WHAT IS BEING ASKED:
Print out the entries, word for word.

DATA FOR THE TASK:

---------------

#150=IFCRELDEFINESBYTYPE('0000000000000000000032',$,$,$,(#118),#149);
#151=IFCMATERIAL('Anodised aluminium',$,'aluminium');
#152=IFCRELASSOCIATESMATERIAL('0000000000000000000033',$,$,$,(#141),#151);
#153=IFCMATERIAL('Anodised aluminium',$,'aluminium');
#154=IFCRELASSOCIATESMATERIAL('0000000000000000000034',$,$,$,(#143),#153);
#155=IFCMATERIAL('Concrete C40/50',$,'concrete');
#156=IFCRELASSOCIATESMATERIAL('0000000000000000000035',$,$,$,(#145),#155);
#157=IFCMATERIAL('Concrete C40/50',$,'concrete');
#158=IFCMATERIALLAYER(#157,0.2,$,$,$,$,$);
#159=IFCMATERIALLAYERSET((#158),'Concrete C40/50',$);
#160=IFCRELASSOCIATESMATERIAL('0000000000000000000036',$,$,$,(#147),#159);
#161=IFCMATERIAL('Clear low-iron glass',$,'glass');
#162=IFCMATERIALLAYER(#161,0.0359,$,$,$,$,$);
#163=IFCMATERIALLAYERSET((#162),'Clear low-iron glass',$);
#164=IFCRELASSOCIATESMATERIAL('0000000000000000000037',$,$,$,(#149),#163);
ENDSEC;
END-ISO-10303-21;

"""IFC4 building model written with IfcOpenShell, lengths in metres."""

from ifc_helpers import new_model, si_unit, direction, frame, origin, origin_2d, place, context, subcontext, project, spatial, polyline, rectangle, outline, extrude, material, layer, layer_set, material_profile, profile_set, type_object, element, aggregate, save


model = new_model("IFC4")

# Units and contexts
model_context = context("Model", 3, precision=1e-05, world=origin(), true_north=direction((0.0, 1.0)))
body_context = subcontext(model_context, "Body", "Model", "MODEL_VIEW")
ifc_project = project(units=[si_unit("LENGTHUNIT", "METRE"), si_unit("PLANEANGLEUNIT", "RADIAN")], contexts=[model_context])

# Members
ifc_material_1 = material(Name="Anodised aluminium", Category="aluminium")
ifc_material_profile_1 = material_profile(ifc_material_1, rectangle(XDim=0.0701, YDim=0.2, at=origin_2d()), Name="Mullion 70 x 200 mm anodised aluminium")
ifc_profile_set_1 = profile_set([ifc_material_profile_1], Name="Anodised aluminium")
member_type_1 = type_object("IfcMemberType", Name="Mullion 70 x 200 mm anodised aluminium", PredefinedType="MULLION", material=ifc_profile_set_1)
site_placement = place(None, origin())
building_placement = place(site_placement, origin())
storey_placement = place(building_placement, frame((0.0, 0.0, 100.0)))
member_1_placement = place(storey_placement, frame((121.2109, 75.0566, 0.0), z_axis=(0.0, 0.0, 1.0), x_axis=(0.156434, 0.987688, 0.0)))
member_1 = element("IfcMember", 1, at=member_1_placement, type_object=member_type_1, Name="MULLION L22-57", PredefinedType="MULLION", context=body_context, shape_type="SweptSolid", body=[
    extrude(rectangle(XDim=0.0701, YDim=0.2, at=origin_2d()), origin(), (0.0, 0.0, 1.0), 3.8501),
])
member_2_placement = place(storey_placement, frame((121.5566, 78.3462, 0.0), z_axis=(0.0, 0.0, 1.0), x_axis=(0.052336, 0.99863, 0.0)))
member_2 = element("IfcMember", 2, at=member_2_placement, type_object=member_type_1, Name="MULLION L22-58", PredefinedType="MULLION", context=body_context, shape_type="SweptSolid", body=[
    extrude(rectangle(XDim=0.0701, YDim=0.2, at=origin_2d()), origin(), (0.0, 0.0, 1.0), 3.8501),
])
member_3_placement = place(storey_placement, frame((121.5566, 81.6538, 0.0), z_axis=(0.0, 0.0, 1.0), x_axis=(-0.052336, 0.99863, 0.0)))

---------------

RESULT BELOW:
#150=IFCRELDEFINESBYTYPE('0000000000000000000032',$,$,$,(#118),#149);
#151=IFCMATERIAL('Anodised aluminium',$,'aluminium');
#152=IFCRELASSOCIATESMATERIAL('0000000000000000000033',$,$,$,(#141),#151);
#153=IFCMATERIAL('Anodised aluminium',$,'aluminium');
#154=IFCRELASSOCIATESMATERIAL('0000000000000000000034',$,$,$,(#143),#153);
#155=IFCMATERIAL('Concrete C40/50',$,'concrete');
#156=IFCRELASSOCIATESMATERIAL('0000000000000000000035',$,$,$,(#145),#155);
#157=IFCMATERIAL('Concrete C40/50',$,'concrete');
#158=IFCMATERIALLAYER(#157,0.2,$,$,$,$,$);
#159=IFCMATERIALLAYERSET((#158),'Concrete C40/50',$);
#160=IFCRELASSOCIATESMATERIAL('0000000000000000000036',$,$,$,(#147),#159);
#161=IFCMATERIAL('Clear low-iron glass',$,'glass');
#162=IFCMATERIALLAYER(#161,0.0359,$,$,$,$,$);
#163=IFCMATERIALLAYERSET((#162),'Clear low-iron glass',$);
#164=IFCRELASSOCIATESMATERIAL('0000000000000000000037',$,$,$,(#149),#163);
ENDSEC;
END-ISO-10303-21;

"""IFC4 building model written with IfcOpenShell, lengths in metres."""

from ifc_helpers import new_model, si_unit, direction, frame, origin, origin_2d, place, context, subcontext, project, spatial, polyline, rectangle, outline, extrude, material, layer, layer_set, material_profile, profile_set, type_object, element, aggregate, save


model = new_model("IFC4")

# Units and contexts
model_context = context("Model", 3, precision=1e-05, world=origin(), true_north=direction((0.0, 1.0)))
body_context = subcontext(model_context, "Body", "Model", "MODEL_VIEW")
ifc_project = project(units=[si_unit("LENGTHUNIT", "METRE"), si_unit("PLANEANGLEUNIT", "RADIAN")], contexts=[model_context])

# Members
ifc_material_1 = material(Name="Anodised aluminium", Category="aluminium")
ifc_material_profile_1 = material_profile(ifc_material_1, rectangle(XDim=0.0701, YDim=0.2, at=origin_2d()), Name="Mullion 70 x 200 mm anodised aluminium")
ifc_profile_set_1 = profile_set([ifc_material_profile_1], Name="Anodised aluminium")
member_type_1 = type_object("IfcMemberType", Name="Mullion 70 x 200 mm anodised aluminium", PredefinedType="MULLION", material=ifc_profile_set_1)
site_placement = place(None, origin())
building_placement = place(site_placement, origin())
storey_placement = place(building_placement, frame((0.0, 0.0, 100.0)))
member_1_placement = place(storey_placement, frame((121.2109, 75.0566, 0.0), z_axis=(0.0, 0.0, 1.0), x_axis=(0.156434, 0.987688, 0.0)))
member_1 = element("IfcMember", 1, at=member_1_placement, type_object=member_type_1, Name="MULLION L22-57", PredefinedType="MULLION", context=body_context, shape_type="SweptSolid", body=[
    extrude(rectangle(XDim=0.0701, YDim=0.2, at=origin_2d()), origin(), (0.0, 0.0, 1.0), 3.8501),
])
member_2_placement = place(storey_placement, frame((121.5566, 78.3462, 0.0), z_axis=(0.0, 0.0, 1.0), x_axis=(0.052336, 0.99863, 0.0)))
member_2 = element("IfcMember", 2, at=member_2_placement, type_object=member_type_1, Name="MULLION L22-58", PredefinedType="MULLION", context=body_context, shape_type="SweptSolid", body=[
    extrude(rectangle(XDim=0.0701, YDim=0.2, at=origin_2d()), origin(), (0.0, 0.0, 1.0), 3.8501),
])
member_3_placement = place(storey_placement, frame((121.5566, 81.6538, 0.0), z_axis=(0.0, 0.0, 1.0), x_axis=(-0.052336, 0.99863, 0.0)))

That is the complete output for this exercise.